Please copy each line in the records below that contains the string "Column".

(Collected data entries)
%%

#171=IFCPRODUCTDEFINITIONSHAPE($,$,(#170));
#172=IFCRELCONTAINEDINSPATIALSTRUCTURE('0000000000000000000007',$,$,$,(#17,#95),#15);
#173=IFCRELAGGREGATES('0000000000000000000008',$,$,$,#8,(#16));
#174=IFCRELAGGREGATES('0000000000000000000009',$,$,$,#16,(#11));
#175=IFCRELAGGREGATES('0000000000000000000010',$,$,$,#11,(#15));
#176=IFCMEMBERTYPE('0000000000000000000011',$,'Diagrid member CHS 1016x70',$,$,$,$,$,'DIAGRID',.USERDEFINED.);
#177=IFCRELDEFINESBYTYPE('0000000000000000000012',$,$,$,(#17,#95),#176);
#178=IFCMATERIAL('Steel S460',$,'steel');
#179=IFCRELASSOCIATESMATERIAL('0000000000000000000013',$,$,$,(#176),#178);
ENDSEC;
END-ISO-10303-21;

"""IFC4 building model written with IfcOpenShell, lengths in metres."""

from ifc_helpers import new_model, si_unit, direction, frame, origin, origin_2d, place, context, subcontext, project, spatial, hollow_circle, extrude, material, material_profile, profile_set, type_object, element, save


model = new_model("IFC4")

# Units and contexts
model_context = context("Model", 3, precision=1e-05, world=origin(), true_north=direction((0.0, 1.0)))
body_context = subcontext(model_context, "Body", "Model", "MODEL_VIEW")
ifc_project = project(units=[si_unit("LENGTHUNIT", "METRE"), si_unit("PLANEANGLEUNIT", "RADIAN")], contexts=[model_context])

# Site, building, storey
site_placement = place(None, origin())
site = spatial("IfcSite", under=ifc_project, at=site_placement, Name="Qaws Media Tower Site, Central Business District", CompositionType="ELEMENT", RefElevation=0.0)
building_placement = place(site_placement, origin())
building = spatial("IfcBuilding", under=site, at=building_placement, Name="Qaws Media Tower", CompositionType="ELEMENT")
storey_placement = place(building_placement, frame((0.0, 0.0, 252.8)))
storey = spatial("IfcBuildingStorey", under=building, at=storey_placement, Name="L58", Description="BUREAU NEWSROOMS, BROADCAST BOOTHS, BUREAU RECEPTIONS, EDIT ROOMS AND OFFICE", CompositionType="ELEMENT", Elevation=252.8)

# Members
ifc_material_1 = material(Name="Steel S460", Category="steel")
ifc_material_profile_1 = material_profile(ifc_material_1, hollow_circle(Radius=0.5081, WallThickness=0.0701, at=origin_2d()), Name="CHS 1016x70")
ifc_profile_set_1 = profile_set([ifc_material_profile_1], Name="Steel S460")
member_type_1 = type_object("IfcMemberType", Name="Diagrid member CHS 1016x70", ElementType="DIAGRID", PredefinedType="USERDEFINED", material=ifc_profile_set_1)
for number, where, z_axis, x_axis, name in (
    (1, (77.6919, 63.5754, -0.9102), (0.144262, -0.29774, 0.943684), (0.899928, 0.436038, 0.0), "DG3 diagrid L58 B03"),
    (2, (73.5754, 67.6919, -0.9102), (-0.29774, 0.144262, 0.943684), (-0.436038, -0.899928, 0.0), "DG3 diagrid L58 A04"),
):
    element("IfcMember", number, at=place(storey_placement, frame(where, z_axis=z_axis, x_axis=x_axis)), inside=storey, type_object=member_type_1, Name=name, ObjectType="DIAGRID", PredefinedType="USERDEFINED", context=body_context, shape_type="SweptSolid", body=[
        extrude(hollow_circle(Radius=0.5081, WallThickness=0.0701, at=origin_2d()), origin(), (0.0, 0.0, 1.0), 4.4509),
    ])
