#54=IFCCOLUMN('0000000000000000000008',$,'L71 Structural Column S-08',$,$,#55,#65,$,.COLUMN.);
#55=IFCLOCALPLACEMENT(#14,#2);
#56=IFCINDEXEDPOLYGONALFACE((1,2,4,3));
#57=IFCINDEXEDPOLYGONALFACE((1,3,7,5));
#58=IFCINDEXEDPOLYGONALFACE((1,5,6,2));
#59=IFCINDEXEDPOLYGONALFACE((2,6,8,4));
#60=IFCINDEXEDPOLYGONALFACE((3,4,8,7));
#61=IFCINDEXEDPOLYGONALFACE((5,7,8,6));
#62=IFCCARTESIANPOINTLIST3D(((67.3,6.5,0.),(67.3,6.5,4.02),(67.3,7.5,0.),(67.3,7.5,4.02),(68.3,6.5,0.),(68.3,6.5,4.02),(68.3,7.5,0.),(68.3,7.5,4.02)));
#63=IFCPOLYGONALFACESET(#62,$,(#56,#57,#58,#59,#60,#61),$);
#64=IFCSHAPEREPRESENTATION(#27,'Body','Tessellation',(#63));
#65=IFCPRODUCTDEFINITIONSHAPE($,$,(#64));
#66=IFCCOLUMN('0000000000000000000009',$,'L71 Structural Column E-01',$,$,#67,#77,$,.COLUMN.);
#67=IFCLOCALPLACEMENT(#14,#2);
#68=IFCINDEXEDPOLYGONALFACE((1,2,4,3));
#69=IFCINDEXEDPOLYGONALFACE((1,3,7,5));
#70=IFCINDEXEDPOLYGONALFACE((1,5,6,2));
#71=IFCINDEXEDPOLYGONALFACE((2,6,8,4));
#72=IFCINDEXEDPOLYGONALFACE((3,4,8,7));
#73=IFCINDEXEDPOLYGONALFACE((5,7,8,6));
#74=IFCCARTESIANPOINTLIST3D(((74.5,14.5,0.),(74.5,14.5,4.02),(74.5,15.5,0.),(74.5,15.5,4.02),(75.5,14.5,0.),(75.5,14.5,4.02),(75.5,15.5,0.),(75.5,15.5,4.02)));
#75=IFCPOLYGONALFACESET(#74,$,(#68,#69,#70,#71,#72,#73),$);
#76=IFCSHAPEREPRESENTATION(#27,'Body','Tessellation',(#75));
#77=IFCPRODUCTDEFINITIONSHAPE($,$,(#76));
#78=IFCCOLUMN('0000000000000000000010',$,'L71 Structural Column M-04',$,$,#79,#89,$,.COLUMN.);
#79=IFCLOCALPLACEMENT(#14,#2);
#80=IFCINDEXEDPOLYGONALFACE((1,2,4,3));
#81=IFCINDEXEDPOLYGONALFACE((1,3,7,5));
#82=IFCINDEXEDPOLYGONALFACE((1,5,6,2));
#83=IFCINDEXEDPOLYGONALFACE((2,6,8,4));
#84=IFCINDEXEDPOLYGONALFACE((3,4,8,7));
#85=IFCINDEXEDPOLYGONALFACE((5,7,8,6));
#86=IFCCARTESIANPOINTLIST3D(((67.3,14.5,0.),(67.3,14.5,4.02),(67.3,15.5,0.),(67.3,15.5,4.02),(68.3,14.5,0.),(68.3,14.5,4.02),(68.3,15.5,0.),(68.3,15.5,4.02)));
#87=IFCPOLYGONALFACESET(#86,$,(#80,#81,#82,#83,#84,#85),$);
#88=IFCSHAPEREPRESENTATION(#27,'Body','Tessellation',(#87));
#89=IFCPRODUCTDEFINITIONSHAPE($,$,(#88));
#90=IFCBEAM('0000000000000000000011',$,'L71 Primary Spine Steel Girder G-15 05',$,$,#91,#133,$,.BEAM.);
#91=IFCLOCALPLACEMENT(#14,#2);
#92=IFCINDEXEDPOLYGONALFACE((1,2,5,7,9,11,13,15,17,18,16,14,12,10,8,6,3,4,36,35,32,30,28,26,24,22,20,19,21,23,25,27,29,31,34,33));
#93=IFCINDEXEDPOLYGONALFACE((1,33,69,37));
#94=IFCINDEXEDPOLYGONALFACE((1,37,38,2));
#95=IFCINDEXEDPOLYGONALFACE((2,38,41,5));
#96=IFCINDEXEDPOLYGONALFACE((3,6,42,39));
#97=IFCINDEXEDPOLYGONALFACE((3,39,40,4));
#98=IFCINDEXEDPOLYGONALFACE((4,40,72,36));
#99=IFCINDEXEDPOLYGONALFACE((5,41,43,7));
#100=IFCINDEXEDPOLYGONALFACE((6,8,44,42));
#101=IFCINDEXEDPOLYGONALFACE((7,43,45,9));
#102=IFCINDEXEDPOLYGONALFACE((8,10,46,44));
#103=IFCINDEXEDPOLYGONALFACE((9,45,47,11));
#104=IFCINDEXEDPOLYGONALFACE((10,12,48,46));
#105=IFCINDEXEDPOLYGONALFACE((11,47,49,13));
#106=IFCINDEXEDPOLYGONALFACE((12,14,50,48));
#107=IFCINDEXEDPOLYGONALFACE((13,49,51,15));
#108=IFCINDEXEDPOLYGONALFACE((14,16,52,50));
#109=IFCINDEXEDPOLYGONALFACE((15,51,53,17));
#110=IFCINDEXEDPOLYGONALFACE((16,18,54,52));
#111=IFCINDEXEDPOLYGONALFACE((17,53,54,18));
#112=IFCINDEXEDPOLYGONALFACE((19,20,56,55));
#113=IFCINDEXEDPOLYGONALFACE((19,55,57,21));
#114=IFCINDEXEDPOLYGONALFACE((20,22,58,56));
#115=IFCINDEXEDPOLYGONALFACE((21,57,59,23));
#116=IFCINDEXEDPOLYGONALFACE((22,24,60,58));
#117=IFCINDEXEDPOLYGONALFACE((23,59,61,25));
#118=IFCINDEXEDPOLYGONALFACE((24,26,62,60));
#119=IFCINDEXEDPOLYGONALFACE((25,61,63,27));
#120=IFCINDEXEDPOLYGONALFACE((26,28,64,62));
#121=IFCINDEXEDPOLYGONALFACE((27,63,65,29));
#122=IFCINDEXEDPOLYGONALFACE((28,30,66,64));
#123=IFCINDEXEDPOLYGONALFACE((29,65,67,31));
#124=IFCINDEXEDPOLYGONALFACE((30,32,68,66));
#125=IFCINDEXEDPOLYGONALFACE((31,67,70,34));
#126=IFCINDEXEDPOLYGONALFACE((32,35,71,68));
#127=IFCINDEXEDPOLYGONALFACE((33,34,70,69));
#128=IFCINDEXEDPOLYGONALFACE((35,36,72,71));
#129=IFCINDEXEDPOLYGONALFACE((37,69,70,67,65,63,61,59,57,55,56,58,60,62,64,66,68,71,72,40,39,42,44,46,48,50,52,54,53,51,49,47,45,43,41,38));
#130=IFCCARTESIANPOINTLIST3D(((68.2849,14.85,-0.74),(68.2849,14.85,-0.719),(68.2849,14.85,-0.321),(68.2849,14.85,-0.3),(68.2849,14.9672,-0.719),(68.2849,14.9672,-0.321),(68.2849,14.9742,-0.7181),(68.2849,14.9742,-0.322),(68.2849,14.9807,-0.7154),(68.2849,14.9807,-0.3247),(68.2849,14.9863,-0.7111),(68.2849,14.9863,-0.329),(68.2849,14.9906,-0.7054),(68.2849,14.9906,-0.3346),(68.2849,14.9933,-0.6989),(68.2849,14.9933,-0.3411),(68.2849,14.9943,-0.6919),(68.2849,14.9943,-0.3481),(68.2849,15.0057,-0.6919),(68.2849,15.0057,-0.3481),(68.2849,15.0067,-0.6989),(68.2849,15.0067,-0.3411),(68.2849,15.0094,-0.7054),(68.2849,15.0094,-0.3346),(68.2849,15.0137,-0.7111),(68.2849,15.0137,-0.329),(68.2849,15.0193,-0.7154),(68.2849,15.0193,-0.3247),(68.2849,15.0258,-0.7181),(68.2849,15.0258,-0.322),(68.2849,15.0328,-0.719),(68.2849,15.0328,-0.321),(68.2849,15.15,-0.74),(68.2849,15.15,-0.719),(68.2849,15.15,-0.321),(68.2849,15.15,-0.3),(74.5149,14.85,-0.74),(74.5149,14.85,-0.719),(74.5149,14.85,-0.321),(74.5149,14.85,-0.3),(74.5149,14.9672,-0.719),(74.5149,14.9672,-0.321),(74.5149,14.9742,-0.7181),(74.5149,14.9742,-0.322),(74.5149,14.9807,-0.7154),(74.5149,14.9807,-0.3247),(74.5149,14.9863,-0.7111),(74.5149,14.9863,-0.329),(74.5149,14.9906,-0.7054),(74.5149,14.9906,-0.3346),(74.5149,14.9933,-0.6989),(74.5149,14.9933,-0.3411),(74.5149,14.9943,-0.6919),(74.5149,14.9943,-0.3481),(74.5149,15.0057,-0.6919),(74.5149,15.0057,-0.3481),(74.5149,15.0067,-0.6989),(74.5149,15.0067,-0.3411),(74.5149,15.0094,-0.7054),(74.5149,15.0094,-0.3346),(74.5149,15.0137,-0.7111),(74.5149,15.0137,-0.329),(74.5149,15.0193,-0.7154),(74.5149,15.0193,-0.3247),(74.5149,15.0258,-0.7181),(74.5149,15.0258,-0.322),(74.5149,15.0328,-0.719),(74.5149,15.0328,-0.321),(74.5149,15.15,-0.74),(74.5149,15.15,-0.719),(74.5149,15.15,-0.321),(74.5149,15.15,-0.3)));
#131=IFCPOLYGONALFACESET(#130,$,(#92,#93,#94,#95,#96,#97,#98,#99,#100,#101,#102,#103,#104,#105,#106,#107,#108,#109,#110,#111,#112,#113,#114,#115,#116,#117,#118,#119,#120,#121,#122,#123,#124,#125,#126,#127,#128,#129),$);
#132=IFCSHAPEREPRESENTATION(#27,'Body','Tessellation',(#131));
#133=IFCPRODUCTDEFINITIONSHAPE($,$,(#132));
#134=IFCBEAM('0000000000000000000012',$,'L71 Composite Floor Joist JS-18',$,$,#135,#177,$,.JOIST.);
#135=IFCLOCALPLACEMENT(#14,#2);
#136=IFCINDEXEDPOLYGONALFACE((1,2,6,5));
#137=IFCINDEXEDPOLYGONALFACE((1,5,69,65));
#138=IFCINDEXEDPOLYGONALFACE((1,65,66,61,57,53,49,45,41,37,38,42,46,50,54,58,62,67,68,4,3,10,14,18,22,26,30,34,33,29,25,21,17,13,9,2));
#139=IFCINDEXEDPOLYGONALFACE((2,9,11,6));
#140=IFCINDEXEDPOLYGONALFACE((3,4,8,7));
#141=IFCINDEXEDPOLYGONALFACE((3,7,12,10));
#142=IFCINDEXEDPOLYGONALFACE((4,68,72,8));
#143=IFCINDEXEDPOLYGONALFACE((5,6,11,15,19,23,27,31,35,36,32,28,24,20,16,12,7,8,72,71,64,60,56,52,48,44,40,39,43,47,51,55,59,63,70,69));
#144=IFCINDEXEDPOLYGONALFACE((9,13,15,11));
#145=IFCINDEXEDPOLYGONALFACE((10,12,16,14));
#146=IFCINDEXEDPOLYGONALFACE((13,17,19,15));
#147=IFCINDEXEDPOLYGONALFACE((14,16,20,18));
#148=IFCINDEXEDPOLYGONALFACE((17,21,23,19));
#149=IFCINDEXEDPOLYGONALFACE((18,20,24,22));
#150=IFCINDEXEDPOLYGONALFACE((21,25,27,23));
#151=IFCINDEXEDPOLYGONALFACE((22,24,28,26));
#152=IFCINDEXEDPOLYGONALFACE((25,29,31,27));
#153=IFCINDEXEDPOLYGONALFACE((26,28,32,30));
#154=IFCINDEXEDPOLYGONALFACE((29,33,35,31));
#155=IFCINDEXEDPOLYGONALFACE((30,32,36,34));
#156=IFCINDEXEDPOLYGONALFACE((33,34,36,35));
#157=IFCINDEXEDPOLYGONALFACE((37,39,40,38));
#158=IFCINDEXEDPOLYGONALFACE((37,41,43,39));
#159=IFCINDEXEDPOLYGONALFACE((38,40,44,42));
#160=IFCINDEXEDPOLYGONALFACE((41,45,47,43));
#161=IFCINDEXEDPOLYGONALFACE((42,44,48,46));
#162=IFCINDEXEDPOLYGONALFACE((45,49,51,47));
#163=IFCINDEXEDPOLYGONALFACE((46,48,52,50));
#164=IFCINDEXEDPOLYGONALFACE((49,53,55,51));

%%

Solution to this problem:
#54=IFCCOLUMN('0000000000000000000008',$,'L71 Structural Column S-08',$,$,#55,#65,$,.COLUMN.);
#66=IFCCOLUMN('0000000000000000000009',$,'L71 Structural Column E-01',$,$,#67,#77,$,.COLUMN.);
#78=IFCCOLUMN('0000000000000000000010',$,'L71 Structural Column M-04',$,$,#79,#89,$,.COLUMN.);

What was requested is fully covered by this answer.